[PROBLEM STATEMENT] Please give back word for word the lines of the material below between the line containing "#167=IFCPRODUCTDEFINITIONSHAPE($,$,(#166));" and the line containing "Platforms, Waiting Concourse", inclusive.

[DATA FOR THIS EXERCISE]
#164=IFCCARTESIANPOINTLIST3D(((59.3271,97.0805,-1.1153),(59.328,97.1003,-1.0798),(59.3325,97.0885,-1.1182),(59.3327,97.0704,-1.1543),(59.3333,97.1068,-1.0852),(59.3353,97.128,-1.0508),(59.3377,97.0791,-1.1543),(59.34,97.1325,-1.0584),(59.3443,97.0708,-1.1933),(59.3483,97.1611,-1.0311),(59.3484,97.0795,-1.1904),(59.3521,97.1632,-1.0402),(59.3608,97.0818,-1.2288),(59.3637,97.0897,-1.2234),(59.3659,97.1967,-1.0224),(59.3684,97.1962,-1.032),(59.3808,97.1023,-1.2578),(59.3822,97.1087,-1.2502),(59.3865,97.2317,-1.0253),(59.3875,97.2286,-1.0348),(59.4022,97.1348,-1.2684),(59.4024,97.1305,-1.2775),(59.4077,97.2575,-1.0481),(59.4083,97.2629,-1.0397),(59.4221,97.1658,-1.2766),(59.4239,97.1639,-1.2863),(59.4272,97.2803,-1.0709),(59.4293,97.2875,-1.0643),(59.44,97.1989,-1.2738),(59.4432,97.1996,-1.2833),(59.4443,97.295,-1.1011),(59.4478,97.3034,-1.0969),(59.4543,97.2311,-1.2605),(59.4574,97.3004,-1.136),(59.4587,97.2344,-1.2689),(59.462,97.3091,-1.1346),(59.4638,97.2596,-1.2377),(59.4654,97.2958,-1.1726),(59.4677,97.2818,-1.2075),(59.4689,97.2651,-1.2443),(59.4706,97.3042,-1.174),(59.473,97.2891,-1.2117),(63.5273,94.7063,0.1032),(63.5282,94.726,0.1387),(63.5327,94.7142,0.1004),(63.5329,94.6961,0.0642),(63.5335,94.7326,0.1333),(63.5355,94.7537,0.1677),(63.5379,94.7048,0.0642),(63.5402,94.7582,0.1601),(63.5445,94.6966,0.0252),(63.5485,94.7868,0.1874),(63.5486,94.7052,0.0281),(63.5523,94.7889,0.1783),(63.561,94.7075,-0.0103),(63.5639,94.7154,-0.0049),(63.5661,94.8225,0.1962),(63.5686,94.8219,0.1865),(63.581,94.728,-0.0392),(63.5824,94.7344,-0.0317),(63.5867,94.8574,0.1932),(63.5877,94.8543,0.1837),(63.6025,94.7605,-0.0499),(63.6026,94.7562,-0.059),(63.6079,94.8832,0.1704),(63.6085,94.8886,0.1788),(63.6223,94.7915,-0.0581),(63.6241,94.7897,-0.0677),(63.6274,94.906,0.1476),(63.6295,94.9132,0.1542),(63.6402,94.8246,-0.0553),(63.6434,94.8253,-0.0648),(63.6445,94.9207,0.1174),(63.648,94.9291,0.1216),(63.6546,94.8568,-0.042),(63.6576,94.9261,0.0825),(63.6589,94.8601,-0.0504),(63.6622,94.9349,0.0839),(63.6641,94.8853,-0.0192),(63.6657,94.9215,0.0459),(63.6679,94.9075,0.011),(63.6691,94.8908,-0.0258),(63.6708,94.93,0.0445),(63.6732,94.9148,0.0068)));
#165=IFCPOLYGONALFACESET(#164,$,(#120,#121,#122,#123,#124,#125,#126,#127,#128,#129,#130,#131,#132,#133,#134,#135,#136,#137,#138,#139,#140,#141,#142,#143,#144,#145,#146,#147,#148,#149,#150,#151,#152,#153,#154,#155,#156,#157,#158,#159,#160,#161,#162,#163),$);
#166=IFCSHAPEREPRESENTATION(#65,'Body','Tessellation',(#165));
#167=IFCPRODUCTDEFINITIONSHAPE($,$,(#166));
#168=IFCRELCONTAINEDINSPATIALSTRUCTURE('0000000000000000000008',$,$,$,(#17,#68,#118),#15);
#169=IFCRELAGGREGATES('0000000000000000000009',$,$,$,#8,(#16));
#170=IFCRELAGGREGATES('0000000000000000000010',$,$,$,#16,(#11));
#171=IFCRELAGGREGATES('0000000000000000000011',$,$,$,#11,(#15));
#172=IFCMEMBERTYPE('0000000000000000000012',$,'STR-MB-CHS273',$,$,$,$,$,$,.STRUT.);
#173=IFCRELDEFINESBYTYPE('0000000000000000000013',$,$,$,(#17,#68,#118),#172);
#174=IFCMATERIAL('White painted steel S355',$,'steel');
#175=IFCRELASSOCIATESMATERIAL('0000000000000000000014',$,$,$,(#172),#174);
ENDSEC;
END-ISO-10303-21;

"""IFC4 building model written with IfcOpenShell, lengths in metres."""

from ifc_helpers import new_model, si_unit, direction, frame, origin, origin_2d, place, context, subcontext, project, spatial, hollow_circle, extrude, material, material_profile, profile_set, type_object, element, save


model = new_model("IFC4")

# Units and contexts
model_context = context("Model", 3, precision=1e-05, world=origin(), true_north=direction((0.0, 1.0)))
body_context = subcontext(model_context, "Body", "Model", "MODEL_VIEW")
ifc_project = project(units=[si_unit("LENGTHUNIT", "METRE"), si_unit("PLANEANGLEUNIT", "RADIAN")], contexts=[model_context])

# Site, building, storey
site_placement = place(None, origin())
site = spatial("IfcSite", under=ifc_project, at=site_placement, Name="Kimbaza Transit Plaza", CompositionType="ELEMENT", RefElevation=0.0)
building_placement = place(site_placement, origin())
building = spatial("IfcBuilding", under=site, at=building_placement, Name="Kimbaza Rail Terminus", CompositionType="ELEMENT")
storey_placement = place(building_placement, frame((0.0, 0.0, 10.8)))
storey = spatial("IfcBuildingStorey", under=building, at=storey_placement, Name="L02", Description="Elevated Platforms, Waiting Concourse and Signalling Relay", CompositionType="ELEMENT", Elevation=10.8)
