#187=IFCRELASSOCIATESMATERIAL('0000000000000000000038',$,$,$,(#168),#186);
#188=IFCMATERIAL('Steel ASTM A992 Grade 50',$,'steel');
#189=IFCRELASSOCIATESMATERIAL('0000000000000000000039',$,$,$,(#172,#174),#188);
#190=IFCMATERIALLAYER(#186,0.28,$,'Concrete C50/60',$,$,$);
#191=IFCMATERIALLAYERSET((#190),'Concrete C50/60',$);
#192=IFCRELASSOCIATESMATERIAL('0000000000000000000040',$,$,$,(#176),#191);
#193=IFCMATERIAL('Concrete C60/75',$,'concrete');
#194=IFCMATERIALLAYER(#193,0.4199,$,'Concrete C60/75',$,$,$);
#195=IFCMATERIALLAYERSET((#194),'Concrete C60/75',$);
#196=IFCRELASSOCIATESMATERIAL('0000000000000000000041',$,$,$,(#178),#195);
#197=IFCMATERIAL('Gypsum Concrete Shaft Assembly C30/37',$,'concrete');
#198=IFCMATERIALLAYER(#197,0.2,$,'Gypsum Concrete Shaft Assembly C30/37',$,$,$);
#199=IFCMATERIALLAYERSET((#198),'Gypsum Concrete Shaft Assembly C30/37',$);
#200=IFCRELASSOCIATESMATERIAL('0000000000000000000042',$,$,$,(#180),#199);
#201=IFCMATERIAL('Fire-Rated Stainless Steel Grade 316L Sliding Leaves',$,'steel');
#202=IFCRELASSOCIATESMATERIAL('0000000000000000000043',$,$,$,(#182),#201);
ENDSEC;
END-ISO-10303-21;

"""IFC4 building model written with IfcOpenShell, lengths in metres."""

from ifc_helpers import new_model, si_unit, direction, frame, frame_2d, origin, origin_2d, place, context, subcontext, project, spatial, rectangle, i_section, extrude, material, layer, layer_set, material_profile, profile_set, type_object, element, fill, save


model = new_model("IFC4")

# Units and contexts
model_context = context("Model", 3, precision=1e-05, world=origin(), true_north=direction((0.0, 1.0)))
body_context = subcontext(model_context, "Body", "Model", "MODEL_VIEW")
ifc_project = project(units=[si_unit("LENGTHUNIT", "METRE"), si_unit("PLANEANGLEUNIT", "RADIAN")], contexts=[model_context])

[SOLUTION]
#167=IFCPRODUCTDEFINITIONSHAPE($,$,(#166));
#168=IFCRELCONTAINEDINSPATIALSTRUCTURE('0000000000000000000008',$,$,$,(#17,#68,#118),#15);
#169=IFCRELAGGREGATES('0000000000000000000009',$,$,$,#8,(#16));
#170=IFCRELAGGREGATES('0000000000000000000010',$,$,$,#16,(#11));
#171=IFCRELAGGREGATES('0000000000000000000011',$,$,$,#11,(#15));
#172=IFCMEMBERTYPE('0000000000000000000012',$,'STR-MB-CHS273',$,$,$,$,$,$,.STRUT.);
#173=IFCRELDEFINESBYTYPE('0000000000000000000013',$,$,$,(#17,#68,#118),#172);
#174=IFCMATERIAL('White painted steel S355',$,'steel');
#175=IFCRELASSOCIATESMATERIAL('0000000000000000000014',$,$,$,(#172),#174);
ENDSEC;
END-ISO-10303-21;

"""IFC4 building model written with IfcOpenShell, lengths in metres."""

from ifc_helpers import new_model, si_unit, direction, frame, origin, origin_2d, place, context, subcontext, project, spatial, hollow_circle, extrude, material, material_profile, profile_set, type_object, element, save


model = new_model("IFC4")

# Units and contexts
model_context = context("Model", 3, precision=1e-05, world=origin(), true_north=direction((0.0, 1.0)))
body_context = subcontext(model_context, "Body", "Model", "MODEL_VIEW")
ifc_project = project(units=[si_unit("LENGTHUNIT", "METRE"), si_unit("PLANEANGLEUNIT", "RADIAN")], contexts=[model_context])

# Site, building, storey
site_placement = place(None, origin())
site = spatial("IfcSite", under=ifc_project, at=site_placement, Name="Kimbaza Transit Plaza", CompositionType="ELEMENT", RefElevation=0.0)
building_placement = place(site_placement, origin())
building = spatial("IfcBuilding", under=site, at=building_placement, Name="Kimbaza Rail Terminus", CompositionType="ELEMENT")
storey_placement = place(building_placement, frame((0.0, 0.0, 10.8)))
storey = spatial("IfcBuildingStorey", under=building, at=storey_placement, Name="L02", Description="Elevated Platforms, Waiting Concourse and Signalling Relay", CompositionType="ELEMENT", Elevation=10.8)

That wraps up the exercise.